_Material shown_:
- Opening Delimiter -
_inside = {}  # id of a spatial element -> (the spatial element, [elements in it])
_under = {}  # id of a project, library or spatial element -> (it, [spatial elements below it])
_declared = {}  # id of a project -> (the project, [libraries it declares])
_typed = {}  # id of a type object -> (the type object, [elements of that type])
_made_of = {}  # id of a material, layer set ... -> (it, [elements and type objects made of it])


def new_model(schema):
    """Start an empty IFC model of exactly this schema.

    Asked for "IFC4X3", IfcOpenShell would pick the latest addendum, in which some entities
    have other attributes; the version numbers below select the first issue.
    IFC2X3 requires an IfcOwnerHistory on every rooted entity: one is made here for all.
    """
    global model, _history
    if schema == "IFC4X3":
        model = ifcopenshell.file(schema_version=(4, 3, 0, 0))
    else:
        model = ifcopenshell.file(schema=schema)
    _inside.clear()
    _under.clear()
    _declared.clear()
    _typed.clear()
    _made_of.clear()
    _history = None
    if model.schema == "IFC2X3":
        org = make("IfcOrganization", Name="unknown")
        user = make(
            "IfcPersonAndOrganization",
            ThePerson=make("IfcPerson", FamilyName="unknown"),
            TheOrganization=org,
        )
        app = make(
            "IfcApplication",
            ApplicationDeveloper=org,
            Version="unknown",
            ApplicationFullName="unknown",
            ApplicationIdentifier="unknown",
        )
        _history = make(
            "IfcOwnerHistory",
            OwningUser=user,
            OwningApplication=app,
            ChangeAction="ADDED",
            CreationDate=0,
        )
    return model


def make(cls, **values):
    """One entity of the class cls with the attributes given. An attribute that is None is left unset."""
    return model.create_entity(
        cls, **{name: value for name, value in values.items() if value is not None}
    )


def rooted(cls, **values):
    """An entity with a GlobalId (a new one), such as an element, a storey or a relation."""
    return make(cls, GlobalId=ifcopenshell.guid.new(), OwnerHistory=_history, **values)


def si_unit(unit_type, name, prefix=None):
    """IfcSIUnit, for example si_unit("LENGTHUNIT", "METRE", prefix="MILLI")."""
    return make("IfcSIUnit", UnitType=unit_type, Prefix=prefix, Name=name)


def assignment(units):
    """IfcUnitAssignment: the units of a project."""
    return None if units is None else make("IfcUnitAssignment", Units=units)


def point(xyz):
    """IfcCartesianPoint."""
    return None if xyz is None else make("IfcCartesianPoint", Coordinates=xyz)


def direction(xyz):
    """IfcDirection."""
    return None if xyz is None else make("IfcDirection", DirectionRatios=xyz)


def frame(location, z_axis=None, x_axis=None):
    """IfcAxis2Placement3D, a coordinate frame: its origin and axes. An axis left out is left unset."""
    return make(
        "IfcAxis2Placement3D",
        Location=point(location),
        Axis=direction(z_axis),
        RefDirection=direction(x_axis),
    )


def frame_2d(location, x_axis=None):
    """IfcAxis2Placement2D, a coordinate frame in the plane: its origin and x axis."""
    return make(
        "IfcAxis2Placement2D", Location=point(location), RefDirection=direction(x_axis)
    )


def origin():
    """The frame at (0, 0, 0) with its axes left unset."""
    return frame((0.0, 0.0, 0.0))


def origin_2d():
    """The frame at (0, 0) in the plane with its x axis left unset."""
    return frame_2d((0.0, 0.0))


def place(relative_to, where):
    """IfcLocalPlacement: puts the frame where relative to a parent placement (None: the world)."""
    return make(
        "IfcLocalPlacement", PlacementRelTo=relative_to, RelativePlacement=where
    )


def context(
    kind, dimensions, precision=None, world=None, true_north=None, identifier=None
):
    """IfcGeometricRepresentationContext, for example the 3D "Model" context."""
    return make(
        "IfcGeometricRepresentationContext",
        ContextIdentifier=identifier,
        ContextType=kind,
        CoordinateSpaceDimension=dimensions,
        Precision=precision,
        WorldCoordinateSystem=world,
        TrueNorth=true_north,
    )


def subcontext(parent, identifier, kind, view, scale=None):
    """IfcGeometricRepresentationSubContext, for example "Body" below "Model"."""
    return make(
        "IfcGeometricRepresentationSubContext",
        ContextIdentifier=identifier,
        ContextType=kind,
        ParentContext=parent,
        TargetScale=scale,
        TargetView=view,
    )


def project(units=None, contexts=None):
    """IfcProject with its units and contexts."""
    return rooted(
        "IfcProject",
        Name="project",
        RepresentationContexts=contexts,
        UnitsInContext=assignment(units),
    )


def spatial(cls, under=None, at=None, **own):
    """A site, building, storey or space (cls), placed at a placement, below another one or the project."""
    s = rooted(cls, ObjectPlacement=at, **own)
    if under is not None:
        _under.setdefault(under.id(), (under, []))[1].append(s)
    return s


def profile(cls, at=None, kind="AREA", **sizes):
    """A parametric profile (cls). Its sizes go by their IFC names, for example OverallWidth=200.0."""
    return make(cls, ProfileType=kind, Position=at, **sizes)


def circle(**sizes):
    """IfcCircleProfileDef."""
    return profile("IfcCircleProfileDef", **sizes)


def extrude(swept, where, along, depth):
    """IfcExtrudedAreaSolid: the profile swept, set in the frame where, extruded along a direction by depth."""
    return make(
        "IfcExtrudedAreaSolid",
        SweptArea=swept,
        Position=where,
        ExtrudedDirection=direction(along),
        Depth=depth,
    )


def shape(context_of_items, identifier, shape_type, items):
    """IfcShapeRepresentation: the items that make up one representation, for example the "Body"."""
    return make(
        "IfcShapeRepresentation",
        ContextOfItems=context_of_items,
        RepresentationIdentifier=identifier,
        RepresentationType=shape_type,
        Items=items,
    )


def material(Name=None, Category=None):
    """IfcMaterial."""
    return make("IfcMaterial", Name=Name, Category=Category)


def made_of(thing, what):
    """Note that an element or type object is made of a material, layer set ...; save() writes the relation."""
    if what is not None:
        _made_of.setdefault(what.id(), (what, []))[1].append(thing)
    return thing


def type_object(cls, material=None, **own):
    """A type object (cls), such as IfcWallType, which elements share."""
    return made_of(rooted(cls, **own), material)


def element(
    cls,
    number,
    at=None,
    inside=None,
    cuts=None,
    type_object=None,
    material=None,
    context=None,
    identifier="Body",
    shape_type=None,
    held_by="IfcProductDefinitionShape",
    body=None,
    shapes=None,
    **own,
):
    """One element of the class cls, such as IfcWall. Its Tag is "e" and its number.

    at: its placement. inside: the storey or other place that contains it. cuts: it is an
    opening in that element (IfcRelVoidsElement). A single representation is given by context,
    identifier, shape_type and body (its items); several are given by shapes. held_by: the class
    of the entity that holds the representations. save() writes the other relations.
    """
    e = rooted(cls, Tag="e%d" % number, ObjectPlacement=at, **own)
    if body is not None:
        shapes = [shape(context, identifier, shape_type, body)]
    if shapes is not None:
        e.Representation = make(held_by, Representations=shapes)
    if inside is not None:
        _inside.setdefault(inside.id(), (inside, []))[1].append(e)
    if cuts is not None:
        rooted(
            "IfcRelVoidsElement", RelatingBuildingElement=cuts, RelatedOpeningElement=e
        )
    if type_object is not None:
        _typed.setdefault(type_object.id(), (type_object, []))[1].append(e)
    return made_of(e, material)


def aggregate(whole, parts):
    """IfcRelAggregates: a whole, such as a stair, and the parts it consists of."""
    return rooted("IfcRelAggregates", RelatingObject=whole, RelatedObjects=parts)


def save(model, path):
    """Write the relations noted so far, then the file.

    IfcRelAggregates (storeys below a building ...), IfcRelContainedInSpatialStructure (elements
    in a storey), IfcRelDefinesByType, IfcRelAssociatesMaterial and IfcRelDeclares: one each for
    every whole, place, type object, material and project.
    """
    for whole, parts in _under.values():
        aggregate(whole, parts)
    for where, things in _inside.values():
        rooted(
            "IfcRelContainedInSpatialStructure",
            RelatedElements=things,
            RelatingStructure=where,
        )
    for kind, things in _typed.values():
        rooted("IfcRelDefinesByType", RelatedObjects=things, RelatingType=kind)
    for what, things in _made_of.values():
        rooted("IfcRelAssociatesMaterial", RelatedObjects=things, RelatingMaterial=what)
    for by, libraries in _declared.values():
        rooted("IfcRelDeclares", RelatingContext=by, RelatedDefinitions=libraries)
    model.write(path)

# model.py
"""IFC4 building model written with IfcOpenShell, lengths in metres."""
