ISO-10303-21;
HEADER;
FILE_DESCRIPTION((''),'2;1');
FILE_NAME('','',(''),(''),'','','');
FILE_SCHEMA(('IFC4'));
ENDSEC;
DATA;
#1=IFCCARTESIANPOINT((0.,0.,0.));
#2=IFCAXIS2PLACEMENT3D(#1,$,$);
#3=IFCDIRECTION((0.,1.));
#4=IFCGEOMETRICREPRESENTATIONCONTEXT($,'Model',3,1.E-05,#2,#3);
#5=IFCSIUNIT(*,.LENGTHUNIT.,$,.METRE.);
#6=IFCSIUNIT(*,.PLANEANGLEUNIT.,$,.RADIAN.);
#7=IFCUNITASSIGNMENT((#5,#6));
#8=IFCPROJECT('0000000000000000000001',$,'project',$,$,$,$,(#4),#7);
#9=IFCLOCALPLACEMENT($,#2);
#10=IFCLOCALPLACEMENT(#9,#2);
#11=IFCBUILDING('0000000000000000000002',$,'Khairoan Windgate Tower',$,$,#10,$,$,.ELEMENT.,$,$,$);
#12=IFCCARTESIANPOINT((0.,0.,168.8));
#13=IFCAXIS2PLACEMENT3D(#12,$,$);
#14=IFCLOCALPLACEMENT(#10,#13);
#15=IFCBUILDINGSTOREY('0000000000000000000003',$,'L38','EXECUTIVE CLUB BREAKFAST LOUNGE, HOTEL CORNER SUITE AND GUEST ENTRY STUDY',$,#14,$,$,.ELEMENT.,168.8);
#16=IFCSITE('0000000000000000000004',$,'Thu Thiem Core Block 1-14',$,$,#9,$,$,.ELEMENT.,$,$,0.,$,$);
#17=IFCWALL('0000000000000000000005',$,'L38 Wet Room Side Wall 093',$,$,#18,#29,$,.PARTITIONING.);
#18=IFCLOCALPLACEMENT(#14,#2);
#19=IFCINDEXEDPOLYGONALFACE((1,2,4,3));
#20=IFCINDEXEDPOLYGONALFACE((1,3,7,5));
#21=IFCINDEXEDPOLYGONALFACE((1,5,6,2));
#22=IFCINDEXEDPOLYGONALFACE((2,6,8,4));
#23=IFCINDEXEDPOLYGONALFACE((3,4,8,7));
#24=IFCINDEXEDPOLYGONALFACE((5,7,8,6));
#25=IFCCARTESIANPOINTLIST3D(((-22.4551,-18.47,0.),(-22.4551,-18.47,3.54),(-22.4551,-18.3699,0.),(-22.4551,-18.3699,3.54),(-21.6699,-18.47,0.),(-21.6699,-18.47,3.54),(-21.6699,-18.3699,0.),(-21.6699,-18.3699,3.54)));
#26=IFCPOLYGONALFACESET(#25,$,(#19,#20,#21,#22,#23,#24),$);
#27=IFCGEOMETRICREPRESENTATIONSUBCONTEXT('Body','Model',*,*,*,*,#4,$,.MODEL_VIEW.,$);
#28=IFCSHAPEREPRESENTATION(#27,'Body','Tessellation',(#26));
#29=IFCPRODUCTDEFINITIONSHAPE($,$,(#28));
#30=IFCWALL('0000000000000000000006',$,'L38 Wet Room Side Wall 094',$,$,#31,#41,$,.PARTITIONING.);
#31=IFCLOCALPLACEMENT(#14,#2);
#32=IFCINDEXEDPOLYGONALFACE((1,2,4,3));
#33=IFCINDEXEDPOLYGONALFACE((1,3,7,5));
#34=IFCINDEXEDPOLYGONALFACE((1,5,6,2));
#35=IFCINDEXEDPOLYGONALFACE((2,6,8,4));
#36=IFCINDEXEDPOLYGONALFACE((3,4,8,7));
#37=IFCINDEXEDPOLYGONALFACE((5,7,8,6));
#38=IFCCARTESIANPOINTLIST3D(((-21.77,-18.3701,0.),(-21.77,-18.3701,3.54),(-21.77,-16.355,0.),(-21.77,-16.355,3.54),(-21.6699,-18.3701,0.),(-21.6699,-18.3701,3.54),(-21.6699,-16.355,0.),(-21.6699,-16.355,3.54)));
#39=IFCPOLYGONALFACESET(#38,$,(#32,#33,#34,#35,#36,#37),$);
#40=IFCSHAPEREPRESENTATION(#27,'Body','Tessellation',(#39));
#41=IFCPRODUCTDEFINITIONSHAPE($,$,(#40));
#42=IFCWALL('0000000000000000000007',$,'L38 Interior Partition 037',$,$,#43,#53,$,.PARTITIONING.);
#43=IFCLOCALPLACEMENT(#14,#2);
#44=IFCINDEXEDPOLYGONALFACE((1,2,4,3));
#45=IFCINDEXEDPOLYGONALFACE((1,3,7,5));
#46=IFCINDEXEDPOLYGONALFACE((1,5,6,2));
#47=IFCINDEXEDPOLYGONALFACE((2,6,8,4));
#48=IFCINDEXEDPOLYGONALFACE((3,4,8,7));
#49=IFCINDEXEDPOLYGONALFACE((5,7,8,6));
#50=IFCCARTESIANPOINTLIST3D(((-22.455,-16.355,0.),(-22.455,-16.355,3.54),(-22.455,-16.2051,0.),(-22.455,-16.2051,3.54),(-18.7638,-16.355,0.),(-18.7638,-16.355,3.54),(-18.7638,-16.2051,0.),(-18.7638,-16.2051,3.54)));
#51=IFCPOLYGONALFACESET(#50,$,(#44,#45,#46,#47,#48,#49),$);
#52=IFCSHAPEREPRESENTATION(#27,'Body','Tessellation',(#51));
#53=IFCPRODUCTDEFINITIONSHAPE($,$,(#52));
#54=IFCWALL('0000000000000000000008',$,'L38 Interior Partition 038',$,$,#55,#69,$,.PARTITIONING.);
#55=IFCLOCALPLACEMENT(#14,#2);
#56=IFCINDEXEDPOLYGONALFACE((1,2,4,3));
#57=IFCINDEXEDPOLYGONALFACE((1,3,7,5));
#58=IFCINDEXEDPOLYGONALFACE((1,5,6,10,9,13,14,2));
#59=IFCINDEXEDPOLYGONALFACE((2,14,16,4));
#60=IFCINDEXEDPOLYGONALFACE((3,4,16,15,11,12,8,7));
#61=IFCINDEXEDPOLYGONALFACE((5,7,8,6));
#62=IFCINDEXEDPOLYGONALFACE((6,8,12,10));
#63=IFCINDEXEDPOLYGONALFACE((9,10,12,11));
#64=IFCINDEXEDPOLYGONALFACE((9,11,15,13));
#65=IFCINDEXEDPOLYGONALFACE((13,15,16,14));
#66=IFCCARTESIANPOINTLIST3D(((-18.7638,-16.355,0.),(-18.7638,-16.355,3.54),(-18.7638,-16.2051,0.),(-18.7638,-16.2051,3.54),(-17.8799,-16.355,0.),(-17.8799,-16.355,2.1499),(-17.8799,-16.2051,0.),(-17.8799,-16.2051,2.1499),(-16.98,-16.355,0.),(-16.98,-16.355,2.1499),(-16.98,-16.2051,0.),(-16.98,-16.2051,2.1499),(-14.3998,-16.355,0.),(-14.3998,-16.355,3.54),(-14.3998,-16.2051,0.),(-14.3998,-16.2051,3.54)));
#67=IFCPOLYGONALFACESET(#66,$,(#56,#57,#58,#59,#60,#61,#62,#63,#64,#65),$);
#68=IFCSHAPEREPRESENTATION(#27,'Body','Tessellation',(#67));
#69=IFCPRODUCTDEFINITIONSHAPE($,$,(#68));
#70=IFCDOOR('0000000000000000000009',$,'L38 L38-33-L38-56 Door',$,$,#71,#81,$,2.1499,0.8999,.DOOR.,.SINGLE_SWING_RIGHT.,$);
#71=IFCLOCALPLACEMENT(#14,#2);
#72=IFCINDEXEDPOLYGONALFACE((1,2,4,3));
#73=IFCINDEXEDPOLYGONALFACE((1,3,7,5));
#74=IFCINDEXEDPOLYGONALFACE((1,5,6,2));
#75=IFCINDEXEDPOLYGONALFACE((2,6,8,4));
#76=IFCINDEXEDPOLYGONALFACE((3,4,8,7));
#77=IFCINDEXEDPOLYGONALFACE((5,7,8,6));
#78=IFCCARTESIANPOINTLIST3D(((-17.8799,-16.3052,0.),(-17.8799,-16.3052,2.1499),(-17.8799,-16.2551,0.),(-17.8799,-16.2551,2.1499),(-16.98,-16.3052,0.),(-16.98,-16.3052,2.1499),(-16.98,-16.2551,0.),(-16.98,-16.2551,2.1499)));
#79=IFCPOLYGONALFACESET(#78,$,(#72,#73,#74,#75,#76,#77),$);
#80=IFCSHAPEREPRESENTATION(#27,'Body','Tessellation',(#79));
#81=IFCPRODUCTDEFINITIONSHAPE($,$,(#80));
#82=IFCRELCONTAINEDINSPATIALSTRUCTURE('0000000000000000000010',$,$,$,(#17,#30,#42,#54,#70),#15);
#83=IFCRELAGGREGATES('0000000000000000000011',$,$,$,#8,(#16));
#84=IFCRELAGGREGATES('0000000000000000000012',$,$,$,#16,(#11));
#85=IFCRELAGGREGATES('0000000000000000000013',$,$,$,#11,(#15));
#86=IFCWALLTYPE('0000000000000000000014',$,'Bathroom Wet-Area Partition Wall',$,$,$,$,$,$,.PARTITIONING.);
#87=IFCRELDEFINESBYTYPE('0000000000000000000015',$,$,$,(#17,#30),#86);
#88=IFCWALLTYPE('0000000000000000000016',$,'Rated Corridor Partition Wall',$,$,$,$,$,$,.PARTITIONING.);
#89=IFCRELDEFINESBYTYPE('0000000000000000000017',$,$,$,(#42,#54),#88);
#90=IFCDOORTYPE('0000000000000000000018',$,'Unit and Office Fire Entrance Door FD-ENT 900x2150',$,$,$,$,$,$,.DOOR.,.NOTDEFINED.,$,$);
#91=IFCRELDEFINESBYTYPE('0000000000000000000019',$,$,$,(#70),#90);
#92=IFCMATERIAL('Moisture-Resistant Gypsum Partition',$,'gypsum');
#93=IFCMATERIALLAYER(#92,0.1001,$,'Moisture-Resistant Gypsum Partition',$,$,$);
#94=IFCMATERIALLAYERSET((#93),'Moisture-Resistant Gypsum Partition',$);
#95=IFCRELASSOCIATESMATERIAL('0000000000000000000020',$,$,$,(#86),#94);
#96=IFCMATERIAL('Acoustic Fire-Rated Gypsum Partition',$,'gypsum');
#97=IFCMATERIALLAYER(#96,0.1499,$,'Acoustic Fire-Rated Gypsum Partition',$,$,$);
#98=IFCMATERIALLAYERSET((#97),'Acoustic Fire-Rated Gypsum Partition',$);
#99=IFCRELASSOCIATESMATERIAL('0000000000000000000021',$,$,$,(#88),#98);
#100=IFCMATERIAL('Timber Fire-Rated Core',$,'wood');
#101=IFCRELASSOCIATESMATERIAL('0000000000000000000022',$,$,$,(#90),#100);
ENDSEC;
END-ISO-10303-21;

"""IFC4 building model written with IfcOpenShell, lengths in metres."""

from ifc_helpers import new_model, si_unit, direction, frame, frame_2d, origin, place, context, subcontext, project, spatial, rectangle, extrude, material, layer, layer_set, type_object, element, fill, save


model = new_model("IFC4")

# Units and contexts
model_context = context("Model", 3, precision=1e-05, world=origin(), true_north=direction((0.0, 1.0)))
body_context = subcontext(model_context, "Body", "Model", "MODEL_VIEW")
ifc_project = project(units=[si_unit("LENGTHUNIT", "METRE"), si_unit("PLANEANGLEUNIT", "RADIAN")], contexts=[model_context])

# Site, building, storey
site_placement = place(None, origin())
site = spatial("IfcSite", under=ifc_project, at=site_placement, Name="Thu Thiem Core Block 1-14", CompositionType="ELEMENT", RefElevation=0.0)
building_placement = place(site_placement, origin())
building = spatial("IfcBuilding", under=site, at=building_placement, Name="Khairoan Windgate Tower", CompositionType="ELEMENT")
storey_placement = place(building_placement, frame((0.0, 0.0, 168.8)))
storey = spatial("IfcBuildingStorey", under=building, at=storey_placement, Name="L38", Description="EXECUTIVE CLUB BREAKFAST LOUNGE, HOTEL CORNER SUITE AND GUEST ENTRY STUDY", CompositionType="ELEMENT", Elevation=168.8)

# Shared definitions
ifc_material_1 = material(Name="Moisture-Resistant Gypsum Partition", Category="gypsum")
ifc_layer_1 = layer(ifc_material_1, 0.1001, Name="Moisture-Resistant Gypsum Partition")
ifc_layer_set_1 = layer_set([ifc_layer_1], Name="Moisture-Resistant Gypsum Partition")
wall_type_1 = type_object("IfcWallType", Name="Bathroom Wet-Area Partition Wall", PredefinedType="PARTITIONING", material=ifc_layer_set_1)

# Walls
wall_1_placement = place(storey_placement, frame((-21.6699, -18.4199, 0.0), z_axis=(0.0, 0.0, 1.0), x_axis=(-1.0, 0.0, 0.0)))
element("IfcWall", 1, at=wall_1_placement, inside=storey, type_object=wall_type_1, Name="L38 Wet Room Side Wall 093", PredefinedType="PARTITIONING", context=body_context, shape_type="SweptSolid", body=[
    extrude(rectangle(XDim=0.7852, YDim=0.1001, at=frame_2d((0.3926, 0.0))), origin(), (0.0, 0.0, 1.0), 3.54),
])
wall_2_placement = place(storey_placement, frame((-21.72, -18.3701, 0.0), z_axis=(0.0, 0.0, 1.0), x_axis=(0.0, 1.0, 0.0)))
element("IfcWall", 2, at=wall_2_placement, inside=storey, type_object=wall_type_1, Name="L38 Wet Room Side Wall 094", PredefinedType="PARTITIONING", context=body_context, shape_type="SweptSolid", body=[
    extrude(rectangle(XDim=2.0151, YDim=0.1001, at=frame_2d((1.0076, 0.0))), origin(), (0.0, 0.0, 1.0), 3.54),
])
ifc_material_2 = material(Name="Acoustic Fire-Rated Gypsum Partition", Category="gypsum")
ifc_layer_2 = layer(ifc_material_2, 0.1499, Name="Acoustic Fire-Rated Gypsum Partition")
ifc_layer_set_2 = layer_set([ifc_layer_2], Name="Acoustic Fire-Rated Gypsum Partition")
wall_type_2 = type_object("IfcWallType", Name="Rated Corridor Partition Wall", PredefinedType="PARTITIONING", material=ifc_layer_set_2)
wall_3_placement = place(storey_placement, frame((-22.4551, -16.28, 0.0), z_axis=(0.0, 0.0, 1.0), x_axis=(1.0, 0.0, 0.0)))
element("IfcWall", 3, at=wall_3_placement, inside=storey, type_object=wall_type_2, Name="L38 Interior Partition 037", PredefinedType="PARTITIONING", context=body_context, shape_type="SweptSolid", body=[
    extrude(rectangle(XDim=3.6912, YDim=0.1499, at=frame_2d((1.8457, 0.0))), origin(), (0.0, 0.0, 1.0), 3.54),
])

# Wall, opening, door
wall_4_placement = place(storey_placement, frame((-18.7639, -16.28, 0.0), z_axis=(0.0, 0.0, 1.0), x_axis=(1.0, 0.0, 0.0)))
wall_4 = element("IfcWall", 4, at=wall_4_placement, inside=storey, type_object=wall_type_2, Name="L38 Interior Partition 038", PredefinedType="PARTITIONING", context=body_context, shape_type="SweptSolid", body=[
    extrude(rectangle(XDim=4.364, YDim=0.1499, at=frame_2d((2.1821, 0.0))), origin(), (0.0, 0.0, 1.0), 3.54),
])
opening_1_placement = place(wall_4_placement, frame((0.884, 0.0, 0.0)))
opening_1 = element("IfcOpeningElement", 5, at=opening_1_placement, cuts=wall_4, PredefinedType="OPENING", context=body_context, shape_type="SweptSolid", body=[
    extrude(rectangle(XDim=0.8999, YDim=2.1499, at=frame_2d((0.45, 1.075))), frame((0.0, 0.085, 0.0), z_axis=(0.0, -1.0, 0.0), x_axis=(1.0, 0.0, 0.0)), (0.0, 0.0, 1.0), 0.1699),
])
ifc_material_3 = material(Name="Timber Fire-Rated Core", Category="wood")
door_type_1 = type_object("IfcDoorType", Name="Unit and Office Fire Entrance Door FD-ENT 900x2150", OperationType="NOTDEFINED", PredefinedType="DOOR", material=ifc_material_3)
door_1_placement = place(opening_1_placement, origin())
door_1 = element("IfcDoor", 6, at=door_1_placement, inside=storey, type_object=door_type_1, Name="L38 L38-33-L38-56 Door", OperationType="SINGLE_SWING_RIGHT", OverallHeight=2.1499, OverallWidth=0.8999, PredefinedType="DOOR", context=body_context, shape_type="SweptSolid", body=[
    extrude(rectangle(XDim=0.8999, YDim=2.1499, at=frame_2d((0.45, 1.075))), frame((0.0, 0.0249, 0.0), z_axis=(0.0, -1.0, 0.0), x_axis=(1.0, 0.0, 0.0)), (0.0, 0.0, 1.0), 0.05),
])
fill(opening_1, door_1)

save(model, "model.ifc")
- Closing Delimiter -
_What you need to do_:
Return, please, the lines of the data from the first through the line containing "exactly this schema.", both kept, exactly as they stand and nothing more.

_Task result_:
_inside = {}  # id of a spatial element -> (the spatial element, [elements in it])
_under = {}  # id of a project, library or spatial element -> (it, [spatial elements below it])
_declared = {}  # id of a project -> (the project, [libraries it declares])
_typed = {}  # id of a type object -> (the type object, [elements of that type])
_made_of = {}  # id of a material, layer set ... -> (it, [elements and type objects made of it])


def new_model(schema):
    """Start an empty IFC model of exactly this schema.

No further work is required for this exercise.